--- Task directions ---
From the listing below, count the lines where the string "IFCPRODUCTDEFINITIONSHAPE" occurs. Give the number, with no other words.

........

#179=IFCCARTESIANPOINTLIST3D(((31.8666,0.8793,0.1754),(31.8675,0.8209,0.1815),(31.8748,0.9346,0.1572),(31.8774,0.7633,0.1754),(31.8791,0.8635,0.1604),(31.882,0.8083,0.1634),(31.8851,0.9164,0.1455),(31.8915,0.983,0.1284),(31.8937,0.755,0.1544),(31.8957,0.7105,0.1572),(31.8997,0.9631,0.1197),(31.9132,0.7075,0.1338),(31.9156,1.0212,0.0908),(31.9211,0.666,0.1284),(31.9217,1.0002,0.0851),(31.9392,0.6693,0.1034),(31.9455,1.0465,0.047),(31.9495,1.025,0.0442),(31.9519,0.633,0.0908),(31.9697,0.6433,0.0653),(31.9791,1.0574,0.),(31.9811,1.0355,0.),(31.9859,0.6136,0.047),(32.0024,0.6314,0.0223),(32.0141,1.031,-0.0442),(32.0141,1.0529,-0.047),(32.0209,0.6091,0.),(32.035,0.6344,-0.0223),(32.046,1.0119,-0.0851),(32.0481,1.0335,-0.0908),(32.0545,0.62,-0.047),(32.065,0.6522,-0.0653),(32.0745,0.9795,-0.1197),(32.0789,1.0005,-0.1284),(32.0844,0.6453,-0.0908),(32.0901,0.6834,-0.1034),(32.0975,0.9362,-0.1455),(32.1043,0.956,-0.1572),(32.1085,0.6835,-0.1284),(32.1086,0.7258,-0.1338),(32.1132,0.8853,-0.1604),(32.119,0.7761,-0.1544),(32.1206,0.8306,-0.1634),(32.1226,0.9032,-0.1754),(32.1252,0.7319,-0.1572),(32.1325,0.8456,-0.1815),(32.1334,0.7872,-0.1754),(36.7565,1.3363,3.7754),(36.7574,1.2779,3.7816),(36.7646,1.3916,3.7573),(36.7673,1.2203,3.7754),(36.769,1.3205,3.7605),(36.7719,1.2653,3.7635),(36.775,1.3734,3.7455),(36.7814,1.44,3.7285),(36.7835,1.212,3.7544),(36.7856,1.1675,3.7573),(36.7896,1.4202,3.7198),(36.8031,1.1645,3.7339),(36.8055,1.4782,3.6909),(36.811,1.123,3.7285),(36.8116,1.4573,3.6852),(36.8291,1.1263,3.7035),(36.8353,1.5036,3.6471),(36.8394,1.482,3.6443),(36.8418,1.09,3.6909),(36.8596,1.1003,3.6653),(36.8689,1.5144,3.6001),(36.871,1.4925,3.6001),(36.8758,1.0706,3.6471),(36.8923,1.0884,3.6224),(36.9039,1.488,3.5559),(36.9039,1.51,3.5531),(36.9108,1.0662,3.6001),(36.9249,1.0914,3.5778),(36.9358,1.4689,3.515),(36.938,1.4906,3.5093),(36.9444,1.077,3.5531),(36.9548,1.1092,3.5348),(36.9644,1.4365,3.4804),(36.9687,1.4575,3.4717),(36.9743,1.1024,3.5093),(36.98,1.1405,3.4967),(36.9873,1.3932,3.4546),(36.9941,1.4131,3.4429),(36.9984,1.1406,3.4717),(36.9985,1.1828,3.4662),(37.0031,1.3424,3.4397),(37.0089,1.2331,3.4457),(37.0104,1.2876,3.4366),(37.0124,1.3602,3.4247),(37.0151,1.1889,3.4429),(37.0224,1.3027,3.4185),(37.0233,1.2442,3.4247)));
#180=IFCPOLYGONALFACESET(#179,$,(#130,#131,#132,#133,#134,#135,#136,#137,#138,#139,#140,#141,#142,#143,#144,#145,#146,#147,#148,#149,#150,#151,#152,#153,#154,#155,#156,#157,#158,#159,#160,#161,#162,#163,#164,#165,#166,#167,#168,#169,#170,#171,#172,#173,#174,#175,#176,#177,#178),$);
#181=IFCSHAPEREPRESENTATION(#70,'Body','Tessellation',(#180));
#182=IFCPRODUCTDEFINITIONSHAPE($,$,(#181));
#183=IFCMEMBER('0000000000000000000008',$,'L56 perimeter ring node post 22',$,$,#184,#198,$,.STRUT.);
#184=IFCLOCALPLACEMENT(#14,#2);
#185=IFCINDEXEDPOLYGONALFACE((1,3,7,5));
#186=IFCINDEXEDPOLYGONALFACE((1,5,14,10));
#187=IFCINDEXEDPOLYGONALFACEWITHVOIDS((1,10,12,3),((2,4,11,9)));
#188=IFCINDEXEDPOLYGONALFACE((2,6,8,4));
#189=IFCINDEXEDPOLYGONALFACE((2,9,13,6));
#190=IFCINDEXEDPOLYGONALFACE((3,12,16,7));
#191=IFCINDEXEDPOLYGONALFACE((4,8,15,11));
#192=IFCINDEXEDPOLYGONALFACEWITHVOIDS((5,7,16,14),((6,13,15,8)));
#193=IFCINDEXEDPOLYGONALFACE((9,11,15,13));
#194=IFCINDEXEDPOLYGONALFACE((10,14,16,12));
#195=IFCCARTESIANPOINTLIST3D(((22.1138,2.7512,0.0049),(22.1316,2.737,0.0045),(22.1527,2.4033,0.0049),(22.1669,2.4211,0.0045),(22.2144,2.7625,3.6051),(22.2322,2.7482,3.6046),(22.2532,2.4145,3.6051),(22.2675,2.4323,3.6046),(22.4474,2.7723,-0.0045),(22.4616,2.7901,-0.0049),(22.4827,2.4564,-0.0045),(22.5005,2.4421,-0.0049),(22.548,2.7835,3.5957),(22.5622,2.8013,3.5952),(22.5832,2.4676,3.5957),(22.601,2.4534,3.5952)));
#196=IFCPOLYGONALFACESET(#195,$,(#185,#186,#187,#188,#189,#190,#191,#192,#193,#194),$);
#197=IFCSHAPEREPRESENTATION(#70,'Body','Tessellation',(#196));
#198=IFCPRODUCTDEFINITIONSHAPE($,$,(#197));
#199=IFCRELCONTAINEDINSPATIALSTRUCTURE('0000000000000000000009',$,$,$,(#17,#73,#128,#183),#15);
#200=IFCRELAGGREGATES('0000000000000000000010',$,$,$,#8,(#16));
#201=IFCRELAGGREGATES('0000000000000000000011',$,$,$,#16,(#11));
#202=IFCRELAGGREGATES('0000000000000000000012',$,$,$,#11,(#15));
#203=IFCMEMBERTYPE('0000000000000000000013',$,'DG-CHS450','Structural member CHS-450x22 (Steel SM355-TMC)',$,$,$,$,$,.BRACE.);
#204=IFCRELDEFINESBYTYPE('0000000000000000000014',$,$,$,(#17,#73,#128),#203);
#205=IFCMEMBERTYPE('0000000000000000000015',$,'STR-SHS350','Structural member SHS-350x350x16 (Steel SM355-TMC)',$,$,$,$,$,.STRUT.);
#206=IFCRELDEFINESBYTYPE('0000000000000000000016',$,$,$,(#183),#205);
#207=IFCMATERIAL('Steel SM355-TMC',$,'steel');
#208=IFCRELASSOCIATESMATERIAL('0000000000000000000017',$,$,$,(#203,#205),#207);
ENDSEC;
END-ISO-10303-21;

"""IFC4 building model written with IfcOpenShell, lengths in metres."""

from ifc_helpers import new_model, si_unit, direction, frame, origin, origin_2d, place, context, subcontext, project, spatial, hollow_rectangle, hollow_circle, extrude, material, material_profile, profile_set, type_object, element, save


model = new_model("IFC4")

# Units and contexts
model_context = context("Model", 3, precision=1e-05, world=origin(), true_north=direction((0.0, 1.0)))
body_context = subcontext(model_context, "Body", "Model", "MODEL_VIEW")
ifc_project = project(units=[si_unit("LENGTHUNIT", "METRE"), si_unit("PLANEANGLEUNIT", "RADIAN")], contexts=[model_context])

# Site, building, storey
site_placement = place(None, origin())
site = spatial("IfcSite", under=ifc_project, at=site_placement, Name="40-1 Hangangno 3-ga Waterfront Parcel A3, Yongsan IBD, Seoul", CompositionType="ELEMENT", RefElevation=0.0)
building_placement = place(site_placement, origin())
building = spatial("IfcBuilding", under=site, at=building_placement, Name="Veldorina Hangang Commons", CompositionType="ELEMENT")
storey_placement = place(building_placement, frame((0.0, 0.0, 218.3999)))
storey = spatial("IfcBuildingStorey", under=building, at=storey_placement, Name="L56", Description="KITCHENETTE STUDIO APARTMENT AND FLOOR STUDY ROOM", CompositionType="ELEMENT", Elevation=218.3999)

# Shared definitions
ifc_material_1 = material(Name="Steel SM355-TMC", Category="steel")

........

--- Task solution ---
2